--- Material for this exercise ---

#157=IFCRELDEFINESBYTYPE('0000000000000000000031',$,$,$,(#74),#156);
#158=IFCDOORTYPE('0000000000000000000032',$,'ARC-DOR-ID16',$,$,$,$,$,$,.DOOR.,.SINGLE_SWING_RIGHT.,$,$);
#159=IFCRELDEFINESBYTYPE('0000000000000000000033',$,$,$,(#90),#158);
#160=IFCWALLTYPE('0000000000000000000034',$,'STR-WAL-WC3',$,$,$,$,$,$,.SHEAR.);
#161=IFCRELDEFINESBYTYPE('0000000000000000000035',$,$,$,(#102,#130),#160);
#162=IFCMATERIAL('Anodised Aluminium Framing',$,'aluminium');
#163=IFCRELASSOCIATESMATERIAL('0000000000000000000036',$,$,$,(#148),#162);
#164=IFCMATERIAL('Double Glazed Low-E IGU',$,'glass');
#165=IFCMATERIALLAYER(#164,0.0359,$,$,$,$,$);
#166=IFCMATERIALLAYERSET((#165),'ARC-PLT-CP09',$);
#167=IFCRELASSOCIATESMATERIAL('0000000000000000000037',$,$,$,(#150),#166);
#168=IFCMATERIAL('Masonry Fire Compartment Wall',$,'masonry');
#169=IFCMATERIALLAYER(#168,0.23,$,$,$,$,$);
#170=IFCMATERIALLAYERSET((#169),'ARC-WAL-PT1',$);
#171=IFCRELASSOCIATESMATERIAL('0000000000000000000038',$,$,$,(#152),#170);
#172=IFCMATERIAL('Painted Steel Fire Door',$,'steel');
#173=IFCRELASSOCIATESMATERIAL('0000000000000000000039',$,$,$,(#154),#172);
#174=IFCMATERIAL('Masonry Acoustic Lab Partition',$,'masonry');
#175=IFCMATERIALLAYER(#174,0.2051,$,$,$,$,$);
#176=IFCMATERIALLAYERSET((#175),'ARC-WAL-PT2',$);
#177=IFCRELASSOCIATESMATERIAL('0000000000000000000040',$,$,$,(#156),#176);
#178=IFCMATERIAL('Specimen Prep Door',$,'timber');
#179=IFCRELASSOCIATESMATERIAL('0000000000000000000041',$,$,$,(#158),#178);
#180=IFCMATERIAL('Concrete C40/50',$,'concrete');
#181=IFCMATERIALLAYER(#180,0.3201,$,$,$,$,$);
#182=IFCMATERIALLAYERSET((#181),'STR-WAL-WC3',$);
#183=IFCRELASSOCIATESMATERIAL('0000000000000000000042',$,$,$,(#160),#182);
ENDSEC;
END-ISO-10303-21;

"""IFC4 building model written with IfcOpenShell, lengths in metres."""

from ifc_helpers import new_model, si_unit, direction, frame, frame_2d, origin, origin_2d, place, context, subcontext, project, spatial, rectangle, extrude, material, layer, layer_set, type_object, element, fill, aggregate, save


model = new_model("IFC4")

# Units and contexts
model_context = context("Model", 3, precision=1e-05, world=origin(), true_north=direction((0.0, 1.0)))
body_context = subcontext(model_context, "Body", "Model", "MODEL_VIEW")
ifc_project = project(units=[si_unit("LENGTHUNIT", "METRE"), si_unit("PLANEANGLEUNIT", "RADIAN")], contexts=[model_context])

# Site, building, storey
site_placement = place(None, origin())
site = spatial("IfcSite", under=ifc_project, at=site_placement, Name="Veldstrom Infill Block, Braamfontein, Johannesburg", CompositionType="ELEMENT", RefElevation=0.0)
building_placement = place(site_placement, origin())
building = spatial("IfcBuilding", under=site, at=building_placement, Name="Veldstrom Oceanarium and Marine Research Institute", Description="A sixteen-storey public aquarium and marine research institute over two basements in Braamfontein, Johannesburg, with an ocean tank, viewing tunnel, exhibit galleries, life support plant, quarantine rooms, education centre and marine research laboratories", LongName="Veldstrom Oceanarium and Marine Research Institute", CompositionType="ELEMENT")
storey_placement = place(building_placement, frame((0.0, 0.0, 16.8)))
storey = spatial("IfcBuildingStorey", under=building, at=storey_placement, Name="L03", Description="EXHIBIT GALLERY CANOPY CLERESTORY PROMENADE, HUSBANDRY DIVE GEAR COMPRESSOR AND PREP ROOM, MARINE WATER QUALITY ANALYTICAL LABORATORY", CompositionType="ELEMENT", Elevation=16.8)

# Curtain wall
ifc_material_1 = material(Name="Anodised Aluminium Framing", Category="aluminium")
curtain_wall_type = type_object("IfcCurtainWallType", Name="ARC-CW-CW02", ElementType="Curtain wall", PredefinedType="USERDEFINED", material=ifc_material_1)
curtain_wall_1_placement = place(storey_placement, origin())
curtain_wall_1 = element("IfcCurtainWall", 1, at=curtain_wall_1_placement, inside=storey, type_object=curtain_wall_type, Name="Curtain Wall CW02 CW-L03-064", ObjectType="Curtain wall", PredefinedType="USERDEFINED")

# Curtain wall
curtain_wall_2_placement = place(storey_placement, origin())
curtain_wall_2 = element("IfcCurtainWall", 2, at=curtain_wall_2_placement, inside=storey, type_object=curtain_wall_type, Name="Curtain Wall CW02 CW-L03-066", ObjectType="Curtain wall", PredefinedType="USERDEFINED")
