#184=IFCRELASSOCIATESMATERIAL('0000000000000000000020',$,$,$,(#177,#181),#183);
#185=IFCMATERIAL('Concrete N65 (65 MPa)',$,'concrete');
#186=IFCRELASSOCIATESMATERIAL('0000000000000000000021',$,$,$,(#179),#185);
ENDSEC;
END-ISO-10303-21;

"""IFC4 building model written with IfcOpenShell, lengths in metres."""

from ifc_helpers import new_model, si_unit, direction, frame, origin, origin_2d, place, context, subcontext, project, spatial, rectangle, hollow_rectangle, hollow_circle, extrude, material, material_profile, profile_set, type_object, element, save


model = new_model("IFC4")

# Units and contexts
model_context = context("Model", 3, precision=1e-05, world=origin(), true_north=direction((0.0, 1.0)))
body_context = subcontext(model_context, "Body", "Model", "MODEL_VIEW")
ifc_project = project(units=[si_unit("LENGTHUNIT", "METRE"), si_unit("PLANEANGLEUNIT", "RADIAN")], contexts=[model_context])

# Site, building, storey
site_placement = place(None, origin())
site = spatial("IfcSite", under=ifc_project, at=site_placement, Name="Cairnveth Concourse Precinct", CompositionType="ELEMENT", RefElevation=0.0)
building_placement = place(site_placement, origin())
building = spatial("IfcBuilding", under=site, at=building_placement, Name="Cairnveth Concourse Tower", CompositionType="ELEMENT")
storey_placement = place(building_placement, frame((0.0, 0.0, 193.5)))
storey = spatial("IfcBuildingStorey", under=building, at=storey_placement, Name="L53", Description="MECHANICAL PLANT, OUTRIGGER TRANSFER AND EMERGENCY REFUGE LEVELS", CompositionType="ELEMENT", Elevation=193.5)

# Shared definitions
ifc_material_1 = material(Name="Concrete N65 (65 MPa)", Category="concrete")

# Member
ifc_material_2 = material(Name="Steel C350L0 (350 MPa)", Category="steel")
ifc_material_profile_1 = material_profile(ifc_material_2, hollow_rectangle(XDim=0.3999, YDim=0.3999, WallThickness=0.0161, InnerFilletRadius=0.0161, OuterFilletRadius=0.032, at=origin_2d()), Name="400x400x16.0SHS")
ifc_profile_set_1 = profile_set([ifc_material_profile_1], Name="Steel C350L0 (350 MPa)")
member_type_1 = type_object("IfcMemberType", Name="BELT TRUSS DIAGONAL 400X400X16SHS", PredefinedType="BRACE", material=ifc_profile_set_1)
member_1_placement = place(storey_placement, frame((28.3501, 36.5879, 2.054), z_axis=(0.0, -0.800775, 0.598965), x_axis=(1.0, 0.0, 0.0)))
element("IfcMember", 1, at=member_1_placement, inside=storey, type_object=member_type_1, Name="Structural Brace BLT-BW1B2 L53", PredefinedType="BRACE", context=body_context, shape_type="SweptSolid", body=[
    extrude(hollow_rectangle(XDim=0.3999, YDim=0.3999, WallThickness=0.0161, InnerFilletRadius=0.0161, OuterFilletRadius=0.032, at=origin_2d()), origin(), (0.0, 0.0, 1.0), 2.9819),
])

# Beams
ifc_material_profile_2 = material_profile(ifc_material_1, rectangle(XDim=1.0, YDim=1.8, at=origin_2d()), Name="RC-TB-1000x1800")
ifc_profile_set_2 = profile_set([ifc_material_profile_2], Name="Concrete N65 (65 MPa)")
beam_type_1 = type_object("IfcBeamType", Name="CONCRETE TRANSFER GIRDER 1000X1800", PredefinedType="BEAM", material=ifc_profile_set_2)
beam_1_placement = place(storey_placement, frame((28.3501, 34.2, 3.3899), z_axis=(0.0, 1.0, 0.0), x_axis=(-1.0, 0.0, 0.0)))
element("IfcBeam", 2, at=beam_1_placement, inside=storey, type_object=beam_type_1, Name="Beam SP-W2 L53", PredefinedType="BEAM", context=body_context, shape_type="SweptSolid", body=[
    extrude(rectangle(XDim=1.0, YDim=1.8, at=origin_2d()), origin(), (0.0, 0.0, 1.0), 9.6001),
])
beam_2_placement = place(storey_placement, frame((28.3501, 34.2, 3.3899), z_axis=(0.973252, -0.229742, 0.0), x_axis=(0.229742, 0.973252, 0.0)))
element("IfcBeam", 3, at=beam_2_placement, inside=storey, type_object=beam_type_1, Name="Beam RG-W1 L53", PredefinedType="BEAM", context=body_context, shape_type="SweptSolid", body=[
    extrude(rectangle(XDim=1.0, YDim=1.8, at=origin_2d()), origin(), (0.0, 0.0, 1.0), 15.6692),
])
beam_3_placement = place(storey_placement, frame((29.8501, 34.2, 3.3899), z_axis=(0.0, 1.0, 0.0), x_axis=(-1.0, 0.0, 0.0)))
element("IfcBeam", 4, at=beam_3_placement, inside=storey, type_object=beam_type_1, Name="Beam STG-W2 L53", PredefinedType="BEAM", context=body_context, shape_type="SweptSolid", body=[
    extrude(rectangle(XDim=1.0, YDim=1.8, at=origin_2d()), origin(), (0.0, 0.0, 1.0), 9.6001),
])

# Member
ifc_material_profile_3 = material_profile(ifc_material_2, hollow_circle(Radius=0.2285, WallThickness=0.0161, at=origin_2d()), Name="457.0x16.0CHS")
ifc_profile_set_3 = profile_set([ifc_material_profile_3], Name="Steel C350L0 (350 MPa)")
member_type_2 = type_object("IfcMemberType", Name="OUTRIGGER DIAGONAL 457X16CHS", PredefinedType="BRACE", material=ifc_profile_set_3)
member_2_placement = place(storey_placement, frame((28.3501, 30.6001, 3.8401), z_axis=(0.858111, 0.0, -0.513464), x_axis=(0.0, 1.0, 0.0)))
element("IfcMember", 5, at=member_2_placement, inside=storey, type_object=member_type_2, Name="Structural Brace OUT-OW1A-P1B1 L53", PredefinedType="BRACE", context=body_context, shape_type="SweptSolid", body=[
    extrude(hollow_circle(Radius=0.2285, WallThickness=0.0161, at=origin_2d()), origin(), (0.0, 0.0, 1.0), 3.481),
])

---

- Work to be completed
Up to and including the line with "#175=IFCMATERIALLAYER(#174,0.2051,$,$,$,$,$);", reproduce the material above exactly as it appears, starting from its first line.

- Output of the exercise
#157=IFCRELDEFINESBYTYPE('0000000000000000000031',$,$,$,(#74),#156);
#158=IFCDOORTYPE('0000000000000000000032',$,'ARC-DOR-ID16',$,$,$,$,$,$,.DOOR.,.SINGLE_SWING_RIGHT.,$,$);
#159=IFCRELDEFINESBYTYPE('0000000000000000000033',$,$,$,(#90),#158);
#160=IFCWALLTYPE('0000000000000000000034',$,'STR-WAL-WC3',$,$,$,$,$,$,.SHEAR.);
#161=IFCRELDEFINESBYTYPE('0000000000000000000035',$,$,$,(#102,#130),#160);
#162=IFCMATERIAL('Anodised Aluminium Framing',$,'aluminium');
#163=IFCRELASSOCIATESMATERIAL('0000000000000000000036',$,$,$,(#148),#162);
#164=IFCMATERIAL('Double Glazed Low-E IGU',$,'glass');
#165=IFCMATERIALLAYER(#164,0.0359,$,$,$,$,$);
#166=IFCMATERIALLAYERSET((#165),'ARC-PLT-CP09',$);
#167=IFCRELASSOCIATESMATERIAL('0000000000000000000037',$,$,$,(#150),#166);
#168=IFCMATERIAL('Masonry Fire Compartment Wall',$,'masonry');
#169=IFCMATERIALLAYER(#168,0.23,$,$,$,$,$);
#170=IFCMATERIALLAYERSET((#169),'ARC-WAL-PT1',$);
#171=IFCRELASSOCIATESMATERIAL('0000000000000000000038',$,$,$,(#152),#170);
#172=IFCMATERIAL('Painted Steel Fire Door',$,'steel');
#173=IFCRELASSOCIATESMATERIAL('0000000000000000000039',$,$,$,(#154),#172);
#174=IFCMATERIAL('Masonry Acoustic Lab Partition',$,'masonry');
#175=IFCMATERIALLAYER(#174,0.2051,$,$,$,$,$);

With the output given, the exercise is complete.